(Dataset entries)
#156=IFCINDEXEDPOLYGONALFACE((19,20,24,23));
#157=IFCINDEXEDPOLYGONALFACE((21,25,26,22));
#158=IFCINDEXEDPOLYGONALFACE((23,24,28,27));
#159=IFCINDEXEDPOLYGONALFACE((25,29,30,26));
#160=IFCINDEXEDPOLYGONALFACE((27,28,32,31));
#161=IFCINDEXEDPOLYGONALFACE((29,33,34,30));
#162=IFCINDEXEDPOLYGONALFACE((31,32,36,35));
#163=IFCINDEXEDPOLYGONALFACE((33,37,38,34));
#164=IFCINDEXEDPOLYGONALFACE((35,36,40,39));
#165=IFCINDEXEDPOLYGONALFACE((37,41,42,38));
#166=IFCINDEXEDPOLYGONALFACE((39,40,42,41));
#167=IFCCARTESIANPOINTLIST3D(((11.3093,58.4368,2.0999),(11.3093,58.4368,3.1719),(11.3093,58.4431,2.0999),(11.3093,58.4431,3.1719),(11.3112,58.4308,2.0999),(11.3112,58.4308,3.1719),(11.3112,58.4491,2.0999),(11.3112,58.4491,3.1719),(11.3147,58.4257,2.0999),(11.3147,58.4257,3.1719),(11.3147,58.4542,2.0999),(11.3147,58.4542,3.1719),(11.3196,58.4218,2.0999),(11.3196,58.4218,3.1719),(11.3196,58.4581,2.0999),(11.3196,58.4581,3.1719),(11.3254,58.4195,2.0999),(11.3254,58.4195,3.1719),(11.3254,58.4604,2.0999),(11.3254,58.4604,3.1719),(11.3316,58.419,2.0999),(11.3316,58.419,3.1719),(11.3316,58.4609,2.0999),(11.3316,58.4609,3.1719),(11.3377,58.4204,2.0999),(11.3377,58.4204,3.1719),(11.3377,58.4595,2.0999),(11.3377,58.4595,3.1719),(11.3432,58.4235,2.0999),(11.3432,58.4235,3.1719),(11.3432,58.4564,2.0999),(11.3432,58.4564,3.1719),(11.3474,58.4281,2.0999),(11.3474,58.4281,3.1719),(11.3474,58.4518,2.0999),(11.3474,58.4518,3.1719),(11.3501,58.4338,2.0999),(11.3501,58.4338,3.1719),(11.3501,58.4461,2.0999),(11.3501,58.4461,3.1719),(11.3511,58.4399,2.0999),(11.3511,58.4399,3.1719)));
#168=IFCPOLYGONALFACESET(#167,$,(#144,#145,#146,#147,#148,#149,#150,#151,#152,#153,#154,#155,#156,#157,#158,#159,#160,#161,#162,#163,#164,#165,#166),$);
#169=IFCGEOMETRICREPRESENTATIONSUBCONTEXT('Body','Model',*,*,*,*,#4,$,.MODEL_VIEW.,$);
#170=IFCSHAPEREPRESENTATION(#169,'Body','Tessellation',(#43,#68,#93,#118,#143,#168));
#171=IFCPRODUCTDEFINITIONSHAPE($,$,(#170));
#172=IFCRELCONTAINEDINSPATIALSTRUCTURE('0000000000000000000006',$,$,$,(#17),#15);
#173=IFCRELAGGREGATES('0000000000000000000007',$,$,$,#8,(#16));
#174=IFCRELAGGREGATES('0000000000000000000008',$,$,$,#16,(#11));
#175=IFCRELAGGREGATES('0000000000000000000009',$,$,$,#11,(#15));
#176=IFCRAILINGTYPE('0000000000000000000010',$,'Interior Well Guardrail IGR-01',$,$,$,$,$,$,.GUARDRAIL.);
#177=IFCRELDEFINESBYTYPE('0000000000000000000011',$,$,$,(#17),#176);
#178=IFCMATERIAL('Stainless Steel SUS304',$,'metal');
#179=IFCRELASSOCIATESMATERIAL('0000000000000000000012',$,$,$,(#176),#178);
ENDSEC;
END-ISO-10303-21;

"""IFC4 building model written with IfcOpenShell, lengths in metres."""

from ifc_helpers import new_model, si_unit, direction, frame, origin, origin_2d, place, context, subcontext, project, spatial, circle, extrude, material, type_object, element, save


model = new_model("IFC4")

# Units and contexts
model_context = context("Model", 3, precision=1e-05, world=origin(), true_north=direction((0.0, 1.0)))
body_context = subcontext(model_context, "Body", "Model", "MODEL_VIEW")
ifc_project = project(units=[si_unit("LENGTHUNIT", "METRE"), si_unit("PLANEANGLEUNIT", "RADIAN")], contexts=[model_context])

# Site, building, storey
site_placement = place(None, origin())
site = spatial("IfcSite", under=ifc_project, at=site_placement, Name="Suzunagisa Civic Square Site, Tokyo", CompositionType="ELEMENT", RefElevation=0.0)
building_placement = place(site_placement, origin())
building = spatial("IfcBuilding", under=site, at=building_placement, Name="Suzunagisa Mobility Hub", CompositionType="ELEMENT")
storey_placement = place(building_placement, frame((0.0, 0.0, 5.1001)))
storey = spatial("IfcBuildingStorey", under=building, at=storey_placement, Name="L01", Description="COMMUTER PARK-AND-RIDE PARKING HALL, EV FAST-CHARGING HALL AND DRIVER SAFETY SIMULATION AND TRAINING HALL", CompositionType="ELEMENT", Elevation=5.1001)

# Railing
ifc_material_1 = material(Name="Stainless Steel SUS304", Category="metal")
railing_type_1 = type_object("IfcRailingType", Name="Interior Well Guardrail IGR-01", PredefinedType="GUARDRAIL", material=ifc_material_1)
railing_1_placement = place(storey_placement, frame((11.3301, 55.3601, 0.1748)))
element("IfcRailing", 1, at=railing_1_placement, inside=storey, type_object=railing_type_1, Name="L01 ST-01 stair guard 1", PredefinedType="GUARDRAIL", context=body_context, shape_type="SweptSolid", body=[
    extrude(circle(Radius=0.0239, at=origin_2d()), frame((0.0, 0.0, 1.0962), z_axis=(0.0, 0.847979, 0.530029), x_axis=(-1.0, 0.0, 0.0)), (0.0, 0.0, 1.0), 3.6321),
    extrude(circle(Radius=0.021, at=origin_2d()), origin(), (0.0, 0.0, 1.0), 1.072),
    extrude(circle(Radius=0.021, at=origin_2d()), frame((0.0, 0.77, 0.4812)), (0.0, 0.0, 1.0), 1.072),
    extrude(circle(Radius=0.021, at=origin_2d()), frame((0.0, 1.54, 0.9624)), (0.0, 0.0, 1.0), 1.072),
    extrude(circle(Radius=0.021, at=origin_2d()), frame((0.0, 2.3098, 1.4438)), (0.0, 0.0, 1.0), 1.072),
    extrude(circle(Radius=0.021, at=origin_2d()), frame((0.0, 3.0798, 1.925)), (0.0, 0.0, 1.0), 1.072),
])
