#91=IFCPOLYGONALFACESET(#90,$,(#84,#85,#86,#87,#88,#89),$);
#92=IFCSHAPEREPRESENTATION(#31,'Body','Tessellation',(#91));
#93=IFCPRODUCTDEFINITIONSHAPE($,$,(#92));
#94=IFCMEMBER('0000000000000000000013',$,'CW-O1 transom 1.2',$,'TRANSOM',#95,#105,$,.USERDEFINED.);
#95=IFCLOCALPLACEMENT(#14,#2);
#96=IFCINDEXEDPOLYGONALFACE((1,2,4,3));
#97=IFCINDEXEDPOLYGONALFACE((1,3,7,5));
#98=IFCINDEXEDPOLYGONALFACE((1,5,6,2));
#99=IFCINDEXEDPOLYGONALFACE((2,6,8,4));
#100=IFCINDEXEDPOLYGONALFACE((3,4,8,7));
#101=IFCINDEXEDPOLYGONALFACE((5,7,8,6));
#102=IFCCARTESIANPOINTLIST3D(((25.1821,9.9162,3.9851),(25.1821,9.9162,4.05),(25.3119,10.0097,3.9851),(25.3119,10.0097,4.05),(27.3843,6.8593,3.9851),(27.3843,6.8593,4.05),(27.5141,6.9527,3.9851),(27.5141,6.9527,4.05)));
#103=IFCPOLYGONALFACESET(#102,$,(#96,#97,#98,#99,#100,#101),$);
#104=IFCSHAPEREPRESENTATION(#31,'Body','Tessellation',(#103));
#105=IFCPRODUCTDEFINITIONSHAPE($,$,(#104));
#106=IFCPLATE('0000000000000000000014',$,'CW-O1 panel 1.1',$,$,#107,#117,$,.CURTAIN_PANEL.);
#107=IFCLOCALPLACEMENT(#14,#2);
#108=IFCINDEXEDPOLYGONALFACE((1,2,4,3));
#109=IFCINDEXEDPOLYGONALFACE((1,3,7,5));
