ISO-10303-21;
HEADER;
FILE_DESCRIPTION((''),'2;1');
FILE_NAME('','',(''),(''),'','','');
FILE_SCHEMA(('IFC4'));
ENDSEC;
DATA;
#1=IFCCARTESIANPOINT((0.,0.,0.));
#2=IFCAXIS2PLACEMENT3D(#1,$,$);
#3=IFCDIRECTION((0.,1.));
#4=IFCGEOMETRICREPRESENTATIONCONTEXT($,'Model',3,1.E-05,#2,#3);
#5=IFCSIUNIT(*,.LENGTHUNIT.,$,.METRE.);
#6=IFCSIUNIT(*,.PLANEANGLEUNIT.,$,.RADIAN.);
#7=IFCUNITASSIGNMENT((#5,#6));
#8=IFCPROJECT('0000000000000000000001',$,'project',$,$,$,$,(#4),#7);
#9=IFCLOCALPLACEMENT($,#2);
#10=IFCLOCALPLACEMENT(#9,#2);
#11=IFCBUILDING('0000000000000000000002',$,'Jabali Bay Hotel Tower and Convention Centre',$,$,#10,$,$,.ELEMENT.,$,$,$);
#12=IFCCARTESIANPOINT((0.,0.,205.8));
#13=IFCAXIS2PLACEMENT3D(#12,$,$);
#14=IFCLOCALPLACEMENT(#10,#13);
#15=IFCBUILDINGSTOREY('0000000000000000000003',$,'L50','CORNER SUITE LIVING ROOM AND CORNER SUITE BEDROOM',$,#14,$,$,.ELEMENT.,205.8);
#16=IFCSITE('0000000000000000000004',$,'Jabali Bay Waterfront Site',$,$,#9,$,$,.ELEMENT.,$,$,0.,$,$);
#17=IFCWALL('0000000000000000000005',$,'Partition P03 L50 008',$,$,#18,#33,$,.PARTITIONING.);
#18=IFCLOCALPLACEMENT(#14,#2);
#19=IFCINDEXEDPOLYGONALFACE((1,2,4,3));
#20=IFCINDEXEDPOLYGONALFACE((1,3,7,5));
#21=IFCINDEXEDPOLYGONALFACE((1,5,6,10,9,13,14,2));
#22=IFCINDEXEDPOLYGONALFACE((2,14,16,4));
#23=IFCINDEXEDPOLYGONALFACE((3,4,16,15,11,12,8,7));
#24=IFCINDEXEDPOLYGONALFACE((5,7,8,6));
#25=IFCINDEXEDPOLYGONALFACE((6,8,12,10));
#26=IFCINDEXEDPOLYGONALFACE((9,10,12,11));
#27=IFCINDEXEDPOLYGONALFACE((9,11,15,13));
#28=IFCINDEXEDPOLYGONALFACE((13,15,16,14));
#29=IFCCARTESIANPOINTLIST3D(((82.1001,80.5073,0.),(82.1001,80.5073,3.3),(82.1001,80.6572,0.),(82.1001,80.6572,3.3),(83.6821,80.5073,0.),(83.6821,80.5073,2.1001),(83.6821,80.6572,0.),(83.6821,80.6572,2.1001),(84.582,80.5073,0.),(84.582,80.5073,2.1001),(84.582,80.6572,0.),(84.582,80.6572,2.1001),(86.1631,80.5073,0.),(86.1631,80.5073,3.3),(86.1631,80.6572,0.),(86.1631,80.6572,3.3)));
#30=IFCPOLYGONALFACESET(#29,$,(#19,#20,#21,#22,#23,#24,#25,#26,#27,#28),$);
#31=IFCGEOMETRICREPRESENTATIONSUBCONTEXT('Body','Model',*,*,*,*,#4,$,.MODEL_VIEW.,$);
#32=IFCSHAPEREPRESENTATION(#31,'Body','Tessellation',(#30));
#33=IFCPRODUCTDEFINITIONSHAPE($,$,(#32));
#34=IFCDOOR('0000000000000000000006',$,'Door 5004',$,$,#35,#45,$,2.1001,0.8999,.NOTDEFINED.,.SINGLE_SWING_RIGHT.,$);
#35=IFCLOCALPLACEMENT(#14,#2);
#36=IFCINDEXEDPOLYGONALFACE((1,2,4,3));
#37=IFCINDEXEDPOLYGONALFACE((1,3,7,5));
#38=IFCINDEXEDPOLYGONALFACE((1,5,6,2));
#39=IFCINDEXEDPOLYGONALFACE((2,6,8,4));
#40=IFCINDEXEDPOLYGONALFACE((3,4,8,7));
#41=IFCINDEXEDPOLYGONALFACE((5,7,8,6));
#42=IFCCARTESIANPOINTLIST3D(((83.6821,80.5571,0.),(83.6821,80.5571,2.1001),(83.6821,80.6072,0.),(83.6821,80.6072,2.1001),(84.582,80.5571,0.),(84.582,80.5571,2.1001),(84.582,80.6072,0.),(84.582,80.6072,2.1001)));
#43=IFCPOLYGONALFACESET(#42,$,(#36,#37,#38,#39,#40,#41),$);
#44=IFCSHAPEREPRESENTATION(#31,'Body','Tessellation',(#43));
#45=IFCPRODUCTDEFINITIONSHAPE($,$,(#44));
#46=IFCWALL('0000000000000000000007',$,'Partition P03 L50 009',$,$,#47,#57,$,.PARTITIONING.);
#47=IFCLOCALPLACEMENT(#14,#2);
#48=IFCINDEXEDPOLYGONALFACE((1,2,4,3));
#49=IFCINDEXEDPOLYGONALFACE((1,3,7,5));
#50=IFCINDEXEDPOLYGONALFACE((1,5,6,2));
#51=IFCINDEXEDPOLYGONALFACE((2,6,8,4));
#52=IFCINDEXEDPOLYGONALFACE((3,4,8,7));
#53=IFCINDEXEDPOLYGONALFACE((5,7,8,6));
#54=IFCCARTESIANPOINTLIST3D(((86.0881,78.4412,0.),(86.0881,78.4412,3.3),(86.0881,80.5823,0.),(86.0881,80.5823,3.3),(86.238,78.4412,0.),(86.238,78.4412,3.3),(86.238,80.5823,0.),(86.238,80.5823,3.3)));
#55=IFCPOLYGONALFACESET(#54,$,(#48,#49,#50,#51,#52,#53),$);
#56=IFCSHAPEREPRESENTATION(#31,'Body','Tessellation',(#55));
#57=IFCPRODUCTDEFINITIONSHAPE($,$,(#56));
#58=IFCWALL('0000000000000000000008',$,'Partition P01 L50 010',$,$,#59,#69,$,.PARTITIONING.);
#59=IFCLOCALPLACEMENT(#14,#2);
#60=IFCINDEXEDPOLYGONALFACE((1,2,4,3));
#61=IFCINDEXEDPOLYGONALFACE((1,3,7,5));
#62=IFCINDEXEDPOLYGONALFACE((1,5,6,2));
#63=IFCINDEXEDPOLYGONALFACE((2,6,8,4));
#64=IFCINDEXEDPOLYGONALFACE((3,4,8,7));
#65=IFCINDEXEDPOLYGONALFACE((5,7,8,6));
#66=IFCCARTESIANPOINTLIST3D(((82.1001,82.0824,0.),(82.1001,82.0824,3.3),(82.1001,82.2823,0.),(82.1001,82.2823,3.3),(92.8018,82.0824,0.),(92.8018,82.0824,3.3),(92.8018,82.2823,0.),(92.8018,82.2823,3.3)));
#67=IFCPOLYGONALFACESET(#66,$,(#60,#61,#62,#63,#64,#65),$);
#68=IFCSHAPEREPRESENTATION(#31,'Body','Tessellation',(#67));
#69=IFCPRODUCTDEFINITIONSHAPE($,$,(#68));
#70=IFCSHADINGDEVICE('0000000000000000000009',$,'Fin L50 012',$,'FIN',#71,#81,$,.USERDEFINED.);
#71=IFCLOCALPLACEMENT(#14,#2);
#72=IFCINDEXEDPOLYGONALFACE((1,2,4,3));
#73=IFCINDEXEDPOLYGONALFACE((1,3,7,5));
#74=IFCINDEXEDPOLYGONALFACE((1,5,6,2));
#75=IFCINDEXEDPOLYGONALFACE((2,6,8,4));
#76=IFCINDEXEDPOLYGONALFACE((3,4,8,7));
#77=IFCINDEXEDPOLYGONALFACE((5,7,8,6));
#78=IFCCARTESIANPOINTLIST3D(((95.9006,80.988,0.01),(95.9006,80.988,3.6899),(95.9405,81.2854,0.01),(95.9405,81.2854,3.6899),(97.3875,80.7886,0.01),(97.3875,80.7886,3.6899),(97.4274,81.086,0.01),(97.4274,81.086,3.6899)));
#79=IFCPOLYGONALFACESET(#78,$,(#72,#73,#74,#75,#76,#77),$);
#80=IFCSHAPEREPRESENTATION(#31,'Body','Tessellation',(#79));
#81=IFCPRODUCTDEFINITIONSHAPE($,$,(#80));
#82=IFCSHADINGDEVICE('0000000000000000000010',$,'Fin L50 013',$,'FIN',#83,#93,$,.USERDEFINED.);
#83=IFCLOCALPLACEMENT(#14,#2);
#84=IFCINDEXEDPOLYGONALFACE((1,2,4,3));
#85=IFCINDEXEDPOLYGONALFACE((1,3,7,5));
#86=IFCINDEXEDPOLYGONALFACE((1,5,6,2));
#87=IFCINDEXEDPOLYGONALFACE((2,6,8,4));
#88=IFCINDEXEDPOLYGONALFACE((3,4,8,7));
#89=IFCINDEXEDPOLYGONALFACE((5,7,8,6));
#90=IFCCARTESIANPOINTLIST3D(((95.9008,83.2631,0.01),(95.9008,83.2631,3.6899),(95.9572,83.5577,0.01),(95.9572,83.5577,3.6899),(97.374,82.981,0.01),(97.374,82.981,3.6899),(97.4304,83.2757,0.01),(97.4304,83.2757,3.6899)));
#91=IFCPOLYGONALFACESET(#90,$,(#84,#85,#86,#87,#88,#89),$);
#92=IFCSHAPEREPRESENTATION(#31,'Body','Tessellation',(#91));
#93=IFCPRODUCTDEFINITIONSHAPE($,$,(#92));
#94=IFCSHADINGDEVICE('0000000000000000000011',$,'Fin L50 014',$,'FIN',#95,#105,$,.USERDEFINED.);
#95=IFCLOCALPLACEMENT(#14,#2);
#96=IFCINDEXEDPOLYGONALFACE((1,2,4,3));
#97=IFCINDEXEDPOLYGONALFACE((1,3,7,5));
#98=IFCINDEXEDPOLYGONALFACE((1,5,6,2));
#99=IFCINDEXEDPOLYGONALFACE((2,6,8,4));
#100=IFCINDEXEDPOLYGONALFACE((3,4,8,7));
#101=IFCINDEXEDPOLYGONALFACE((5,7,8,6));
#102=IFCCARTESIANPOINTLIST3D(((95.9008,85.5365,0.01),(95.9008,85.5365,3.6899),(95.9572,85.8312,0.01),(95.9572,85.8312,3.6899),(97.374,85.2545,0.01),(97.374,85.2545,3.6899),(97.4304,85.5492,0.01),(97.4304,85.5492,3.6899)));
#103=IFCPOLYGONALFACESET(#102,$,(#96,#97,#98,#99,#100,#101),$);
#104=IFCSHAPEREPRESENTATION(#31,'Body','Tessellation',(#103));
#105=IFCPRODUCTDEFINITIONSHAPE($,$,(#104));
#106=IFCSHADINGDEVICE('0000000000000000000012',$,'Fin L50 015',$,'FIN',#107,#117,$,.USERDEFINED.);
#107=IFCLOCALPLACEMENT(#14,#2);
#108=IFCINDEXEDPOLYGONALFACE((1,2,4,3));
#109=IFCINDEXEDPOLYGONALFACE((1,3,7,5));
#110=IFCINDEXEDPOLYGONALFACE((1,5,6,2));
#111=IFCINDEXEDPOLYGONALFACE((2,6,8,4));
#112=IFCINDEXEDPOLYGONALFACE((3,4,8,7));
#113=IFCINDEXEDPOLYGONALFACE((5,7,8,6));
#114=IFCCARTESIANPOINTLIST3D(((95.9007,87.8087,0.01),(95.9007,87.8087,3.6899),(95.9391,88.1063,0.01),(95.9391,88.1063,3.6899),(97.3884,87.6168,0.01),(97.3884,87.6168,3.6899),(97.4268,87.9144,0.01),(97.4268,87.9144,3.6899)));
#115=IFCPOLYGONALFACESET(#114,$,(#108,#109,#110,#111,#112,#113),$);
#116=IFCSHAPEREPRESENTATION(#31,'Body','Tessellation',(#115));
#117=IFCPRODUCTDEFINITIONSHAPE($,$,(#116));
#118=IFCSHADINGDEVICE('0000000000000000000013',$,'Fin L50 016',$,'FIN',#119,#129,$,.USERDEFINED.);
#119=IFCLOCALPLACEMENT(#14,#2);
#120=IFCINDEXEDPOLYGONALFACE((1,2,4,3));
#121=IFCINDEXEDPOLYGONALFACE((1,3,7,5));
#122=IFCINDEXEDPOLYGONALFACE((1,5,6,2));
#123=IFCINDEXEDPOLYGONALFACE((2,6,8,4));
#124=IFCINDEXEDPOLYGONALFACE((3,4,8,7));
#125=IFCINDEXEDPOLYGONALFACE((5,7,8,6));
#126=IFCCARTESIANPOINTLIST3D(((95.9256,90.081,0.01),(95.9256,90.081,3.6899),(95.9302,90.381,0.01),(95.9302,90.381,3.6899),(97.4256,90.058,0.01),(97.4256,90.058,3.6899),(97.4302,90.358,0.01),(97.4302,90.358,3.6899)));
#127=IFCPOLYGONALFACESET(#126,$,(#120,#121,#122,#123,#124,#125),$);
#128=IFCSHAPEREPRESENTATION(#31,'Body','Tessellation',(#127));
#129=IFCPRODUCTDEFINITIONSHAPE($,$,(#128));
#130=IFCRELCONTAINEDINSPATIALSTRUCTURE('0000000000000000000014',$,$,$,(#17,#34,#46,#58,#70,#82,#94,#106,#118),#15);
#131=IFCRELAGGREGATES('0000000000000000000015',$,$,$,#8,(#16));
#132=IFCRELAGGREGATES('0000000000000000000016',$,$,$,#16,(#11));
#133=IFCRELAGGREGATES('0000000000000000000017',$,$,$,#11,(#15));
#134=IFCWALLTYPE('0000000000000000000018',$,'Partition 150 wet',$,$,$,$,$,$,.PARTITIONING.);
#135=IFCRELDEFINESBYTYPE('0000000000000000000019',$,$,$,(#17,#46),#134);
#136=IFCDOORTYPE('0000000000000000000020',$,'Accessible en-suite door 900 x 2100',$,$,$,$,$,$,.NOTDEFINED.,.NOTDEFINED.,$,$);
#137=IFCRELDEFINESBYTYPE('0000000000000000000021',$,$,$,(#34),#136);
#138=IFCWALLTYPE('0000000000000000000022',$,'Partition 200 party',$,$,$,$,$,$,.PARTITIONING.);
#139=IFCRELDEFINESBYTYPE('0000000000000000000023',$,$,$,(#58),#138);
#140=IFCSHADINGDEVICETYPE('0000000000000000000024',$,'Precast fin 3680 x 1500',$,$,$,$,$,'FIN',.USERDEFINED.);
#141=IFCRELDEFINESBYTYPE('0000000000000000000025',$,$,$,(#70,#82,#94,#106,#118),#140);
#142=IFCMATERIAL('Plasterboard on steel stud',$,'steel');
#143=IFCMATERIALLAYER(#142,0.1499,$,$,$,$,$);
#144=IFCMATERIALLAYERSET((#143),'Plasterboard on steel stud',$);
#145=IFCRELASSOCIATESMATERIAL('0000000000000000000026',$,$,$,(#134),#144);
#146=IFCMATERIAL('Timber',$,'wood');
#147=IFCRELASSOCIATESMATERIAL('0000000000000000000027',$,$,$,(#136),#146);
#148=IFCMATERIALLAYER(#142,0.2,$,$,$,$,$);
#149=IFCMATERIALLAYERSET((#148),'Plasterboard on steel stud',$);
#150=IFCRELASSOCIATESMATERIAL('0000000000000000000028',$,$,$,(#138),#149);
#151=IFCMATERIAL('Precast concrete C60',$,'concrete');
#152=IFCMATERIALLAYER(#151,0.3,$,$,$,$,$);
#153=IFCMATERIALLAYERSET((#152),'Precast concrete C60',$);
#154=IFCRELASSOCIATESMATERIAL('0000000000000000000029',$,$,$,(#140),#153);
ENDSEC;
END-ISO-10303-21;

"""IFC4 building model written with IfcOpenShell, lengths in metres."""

from ifc_helpers import new_model, si_unit, direction, frame, frame_2d, origin, place, context, subcontext, project, spatial, rectangle, extrude, material, layer, layer_set, type_object, element, fill, save


model = new_model("IFC4")

# Units and contexts
model_context = context("Model", 3, precision=1e-05, world=origin(), true_north=direction((0.0, 1.0)))
body_context = subcontext(model_context, "Body", "Model", "MODEL_VIEW")
ifc_project = project(units=[si_unit("LENGTHUNIT", "METRE"), si_unit("PLANEANGLEUNIT", "RADIAN")], contexts=[model_context])

# Site, building, storey
site_placement = place(None, origin())
site = spatial("IfcSite", under=ifc_project, at=site_placement, Name="Jabali Bay Waterfront Site", CompositionType="ELEMENT", RefElevation=0.0)
building_placement = place(site_placement, origin())
building = spatial("IfcBuilding", under=site, at=building_placement, Name="Jabali Bay Hotel Tower and Convention Centre", CompositionType="ELEMENT")
storey_placement = place(building_placement, frame((0.0, 0.0, 205.8)))
storey = spatial("IfcBuildingStorey", under=building, at=storey_placement, Name="L50", Description="CORNER SUITE LIVING ROOM AND CORNER SUITE BEDROOM", CompositionType="ELEMENT", Elevation=205.8)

## [Exercise aim]
Taking the line with "#32=IFCSHAPEREPRESENTATION(#31,'Body','Tessellation',(#30));" as the first and the line with "#35=IFCLOCALPLACEMENT(#14,#2);" as the last, retype that stretch of the data above exactly, with no other lines.

## [Response area]
#32=IFCSHAPEREPRESENTATION(#31,'Body','Tessellation',(#30));
#33=IFCPRODUCTDEFINITIONSHAPE($,$,(#32));
#34=IFCDOOR('0000000000000000000006',$,'Door 5004',$,$,#35,#45,$,2.1001,0.8999,.NOTDEFINED.,.SINGLE_SWING_RIGHT.,$);
#35=IFCLOCALPLACEMENT(#14,#2);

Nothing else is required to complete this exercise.